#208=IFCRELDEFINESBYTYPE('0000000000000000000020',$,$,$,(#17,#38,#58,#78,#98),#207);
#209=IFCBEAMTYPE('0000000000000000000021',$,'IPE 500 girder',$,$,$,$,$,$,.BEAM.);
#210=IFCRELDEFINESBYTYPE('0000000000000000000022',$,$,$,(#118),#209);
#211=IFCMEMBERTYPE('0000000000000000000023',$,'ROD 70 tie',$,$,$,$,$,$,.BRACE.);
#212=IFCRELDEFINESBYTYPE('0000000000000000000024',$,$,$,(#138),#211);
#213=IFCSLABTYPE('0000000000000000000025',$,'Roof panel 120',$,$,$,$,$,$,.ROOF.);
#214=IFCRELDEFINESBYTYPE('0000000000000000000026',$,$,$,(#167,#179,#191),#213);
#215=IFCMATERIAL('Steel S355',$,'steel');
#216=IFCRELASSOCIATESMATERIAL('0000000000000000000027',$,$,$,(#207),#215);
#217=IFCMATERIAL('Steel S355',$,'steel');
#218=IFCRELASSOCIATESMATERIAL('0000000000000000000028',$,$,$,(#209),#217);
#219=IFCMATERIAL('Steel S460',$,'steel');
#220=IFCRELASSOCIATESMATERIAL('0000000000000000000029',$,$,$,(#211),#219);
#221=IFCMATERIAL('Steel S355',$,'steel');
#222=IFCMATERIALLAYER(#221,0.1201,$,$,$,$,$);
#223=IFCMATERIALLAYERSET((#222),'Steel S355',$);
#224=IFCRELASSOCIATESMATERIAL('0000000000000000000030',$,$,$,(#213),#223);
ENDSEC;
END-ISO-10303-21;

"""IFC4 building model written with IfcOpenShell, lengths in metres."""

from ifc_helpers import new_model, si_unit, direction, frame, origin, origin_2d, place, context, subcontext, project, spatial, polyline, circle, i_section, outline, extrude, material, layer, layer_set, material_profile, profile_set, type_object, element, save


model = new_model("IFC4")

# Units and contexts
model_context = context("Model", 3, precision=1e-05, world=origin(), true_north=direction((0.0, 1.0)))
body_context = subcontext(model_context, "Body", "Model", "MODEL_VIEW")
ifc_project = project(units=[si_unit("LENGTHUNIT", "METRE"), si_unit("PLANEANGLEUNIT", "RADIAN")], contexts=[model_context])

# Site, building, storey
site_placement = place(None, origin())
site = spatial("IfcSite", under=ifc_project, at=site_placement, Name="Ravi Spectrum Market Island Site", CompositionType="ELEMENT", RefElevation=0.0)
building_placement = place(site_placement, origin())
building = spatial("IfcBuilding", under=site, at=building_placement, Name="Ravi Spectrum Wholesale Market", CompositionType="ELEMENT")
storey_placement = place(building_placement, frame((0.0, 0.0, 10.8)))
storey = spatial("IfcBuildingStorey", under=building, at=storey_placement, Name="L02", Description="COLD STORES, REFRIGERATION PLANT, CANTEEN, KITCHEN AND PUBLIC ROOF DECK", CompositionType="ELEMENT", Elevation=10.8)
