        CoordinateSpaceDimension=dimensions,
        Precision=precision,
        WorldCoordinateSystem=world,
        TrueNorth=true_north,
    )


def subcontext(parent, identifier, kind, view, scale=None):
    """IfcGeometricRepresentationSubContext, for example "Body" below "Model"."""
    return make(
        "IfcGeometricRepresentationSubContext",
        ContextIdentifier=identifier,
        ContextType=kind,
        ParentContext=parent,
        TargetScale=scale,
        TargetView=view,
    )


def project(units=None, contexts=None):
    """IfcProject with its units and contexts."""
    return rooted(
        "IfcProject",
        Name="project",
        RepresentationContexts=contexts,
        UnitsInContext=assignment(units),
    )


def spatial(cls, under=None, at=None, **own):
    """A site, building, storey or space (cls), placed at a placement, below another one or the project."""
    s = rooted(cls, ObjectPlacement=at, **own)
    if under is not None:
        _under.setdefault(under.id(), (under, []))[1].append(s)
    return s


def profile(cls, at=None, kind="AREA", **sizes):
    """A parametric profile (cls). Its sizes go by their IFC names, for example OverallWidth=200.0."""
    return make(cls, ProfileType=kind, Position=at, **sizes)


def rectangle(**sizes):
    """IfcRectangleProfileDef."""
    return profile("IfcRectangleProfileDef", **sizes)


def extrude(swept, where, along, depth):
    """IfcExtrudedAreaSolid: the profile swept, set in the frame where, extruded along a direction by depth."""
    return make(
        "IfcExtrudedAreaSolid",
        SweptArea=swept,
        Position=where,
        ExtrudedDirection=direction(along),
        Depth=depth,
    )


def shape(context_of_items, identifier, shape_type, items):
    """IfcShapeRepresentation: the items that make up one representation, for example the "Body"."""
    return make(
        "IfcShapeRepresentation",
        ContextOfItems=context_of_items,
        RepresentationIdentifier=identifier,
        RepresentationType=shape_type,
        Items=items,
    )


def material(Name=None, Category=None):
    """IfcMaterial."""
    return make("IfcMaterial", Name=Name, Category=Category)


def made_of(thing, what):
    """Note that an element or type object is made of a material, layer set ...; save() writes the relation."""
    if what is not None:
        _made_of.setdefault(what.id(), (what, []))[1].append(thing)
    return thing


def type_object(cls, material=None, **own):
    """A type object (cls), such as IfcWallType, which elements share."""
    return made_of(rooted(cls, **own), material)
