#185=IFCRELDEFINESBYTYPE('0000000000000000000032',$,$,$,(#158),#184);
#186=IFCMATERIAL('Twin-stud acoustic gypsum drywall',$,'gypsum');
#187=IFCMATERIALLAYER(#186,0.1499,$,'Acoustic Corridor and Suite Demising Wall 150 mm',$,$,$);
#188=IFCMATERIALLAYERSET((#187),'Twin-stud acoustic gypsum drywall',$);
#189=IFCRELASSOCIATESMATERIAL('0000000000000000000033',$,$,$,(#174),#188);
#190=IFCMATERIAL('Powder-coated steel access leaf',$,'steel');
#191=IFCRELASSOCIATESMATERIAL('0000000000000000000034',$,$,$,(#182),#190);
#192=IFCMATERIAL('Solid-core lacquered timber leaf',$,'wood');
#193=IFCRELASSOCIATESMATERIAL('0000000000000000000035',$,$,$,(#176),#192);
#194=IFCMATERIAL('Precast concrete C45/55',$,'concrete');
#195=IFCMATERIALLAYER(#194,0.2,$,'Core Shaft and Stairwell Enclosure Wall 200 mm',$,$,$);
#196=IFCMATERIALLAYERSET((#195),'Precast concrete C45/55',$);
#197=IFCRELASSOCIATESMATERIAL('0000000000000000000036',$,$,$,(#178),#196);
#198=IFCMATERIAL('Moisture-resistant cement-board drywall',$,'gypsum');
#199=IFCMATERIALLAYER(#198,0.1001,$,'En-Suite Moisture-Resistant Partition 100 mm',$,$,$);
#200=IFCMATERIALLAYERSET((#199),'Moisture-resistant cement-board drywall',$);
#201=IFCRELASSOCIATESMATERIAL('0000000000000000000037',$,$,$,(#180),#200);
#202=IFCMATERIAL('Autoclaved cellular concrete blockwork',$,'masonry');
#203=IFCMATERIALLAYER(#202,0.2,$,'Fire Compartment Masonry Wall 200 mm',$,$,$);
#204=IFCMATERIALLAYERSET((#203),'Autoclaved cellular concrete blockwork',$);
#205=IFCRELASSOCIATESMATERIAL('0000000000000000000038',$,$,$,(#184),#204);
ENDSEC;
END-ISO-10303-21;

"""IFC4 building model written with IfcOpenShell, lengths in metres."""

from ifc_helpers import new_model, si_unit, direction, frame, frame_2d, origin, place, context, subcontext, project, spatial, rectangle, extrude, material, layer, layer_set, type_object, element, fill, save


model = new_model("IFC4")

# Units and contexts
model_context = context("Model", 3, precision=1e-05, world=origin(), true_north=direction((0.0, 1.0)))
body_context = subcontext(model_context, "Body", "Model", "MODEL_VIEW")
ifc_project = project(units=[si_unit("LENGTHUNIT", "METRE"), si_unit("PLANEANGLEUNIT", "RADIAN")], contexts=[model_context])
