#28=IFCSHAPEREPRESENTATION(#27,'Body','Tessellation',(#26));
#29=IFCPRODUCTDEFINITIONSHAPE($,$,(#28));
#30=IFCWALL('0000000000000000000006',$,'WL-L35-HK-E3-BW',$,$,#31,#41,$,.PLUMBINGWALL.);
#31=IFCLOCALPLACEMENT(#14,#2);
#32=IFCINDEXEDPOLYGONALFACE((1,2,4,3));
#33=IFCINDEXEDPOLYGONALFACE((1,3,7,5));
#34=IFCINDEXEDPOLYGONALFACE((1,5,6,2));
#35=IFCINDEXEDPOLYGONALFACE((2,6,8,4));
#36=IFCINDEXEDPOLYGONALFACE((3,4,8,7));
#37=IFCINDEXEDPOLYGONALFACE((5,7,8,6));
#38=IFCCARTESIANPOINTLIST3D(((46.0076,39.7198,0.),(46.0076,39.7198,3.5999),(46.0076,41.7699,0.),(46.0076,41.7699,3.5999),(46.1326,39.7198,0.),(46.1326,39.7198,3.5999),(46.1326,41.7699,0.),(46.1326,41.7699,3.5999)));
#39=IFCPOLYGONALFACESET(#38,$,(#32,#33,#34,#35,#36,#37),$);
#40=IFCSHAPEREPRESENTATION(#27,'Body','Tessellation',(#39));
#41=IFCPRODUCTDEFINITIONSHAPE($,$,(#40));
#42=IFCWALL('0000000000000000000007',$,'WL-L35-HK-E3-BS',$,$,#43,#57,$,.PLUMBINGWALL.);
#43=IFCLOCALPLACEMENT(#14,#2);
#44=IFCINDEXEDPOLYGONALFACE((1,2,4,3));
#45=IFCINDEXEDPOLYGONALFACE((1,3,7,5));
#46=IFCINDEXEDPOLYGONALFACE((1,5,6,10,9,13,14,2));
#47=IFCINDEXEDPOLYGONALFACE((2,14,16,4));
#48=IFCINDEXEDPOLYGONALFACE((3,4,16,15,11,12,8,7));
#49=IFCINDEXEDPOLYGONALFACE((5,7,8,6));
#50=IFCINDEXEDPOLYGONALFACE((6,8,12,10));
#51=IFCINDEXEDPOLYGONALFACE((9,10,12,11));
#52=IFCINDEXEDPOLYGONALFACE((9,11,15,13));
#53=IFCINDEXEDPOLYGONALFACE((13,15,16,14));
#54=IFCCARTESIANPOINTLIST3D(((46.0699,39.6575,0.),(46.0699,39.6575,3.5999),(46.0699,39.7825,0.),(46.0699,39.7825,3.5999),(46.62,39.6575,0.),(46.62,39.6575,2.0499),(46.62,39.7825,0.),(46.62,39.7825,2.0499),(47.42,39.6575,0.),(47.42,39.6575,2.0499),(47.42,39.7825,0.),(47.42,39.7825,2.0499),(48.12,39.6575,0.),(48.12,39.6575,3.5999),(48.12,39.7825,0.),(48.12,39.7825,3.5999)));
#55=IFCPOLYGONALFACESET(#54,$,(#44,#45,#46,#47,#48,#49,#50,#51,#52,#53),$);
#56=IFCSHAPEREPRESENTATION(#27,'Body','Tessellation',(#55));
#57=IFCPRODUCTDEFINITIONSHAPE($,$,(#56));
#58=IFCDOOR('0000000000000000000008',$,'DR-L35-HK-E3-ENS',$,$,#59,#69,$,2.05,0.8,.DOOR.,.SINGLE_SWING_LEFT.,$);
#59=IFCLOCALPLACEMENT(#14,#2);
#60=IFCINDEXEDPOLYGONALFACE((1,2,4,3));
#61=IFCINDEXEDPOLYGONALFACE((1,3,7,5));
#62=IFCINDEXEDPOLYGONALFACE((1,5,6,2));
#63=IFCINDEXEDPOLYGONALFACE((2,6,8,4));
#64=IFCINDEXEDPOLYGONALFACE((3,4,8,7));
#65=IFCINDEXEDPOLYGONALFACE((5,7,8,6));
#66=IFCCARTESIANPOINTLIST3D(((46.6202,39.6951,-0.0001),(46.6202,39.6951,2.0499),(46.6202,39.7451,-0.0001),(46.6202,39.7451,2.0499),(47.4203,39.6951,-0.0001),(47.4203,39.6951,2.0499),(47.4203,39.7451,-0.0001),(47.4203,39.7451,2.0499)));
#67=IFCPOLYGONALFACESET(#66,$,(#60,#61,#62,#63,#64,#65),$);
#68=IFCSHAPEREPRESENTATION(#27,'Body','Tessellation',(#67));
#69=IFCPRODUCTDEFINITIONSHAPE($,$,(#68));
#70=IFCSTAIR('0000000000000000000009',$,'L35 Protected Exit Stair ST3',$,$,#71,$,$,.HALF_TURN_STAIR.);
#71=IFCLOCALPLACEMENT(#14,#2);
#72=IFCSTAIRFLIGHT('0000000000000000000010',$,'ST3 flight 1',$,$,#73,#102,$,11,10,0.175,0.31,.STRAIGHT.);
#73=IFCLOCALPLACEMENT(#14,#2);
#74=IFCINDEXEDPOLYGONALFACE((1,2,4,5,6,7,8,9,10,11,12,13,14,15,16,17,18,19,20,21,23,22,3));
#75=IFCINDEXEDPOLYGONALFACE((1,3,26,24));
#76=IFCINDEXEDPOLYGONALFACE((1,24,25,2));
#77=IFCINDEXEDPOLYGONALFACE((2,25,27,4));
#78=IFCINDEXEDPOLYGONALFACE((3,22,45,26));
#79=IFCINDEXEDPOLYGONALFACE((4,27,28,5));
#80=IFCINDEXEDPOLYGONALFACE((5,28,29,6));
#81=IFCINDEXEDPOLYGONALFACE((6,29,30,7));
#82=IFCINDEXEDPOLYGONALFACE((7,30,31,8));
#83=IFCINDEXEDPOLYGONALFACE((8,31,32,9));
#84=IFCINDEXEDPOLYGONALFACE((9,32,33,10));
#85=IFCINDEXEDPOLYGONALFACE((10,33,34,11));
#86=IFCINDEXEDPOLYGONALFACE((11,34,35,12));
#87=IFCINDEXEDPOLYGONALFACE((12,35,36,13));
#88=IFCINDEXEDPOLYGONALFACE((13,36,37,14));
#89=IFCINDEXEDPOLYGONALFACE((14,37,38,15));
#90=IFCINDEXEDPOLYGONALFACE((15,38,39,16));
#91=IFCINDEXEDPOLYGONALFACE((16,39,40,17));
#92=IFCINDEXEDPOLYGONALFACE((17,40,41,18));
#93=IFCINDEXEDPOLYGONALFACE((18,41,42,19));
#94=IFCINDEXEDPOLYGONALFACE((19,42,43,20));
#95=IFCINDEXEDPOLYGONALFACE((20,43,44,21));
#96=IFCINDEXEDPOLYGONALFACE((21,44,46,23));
+-------+
### What this task involves
Reproduce the lines of the records exactly, from the first one through the line that contains "site_placement = place(None, origin())".

### Solution
#208=IFCRELDEFINESBYTYPE('0000000000000000000020',$,$,$,(#17,#38,#58,#78,#98),#207);
#209=IFCBEAMTYPE('0000000000000000000021',$,'IPE 500 girder',$,$,$,$,$,$,.BEAM.);
#210=IFCRELDEFINESBYTYPE('0000000000000000000022',$,$,$,(#118),#209);
#211=IFCMEMBERTYPE('0000000000000000000023',$,'ROD 70 tie',$,$,$,$,$,$,.BRACE.);
#212=IFCRELDEFINESBYTYPE('0000000000000000000024',$,$,$,(#138),#211);
#213=IFCSLABTYPE('0000000000000000000025',$,'Roof panel 120',$,$,$,$,$,$,.ROOF.);
#214=IFCRELDEFINESBYTYPE('0000000000000000000026',$,$,$,(#167,#179,#191),#213);
#215=IFCMATERIAL('Steel S355',$,'steel');
#216=IFCRELASSOCIATESMATERIAL('0000000000000000000027',$,$,$,(#207),#215);
#217=IFCMATERIAL('Steel S355',$,'steel');
#218=IFCRELASSOCIATESMATERIAL('0000000000000000000028',$,$,$,(#209),#217);
#219=IFCMATERIAL('Steel S460',$,'steel');
#220=IFCRELASSOCIATESMATERIAL('0000000000000000000029',$,$,$,(#211),#219);
#221=IFCMATERIAL('Steel S355',$,'steel');
#222=IFCMATERIALLAYER(#221,0.1201,$,$,$,$,$);
#223=IFCMATERIALLAYERSET((#222),'Steel S355',$);
#224=IFCRELASSOCIATESMATERIAL('0000000000000000000030',$,$,$,(#213),#223);
ENDSEC;
END-ISO-10303-21;

"""IFC4 building model written with IfcOpenShell, lengths in metres."""

from ifc_helpers import new_model, si_unit, direction, frame, origin, origin_2d, place, context, subcontext, project, spatial, polyline, circle, i_section, outline, extrude, material, layer, layer_set, material_profile, profile_set, type_object, element, save


model = new_model("IFC4")

# Units and contexts
model_context = context("Model", 3, precision=1e-05, world=origin(), true_north=direction((0.0, 1.0)))
body_context = subcontext(model_context, "Body", "Model", "MODEL_VIEW")
ifc_project = project(units=[si_unit("LENGTHUNIT", "METRE"), si_unit("PLANEANGLEUNIT", "RADIAN")], contexts=[model_context])

# Site, building, storey
site_placement = place(None, origin())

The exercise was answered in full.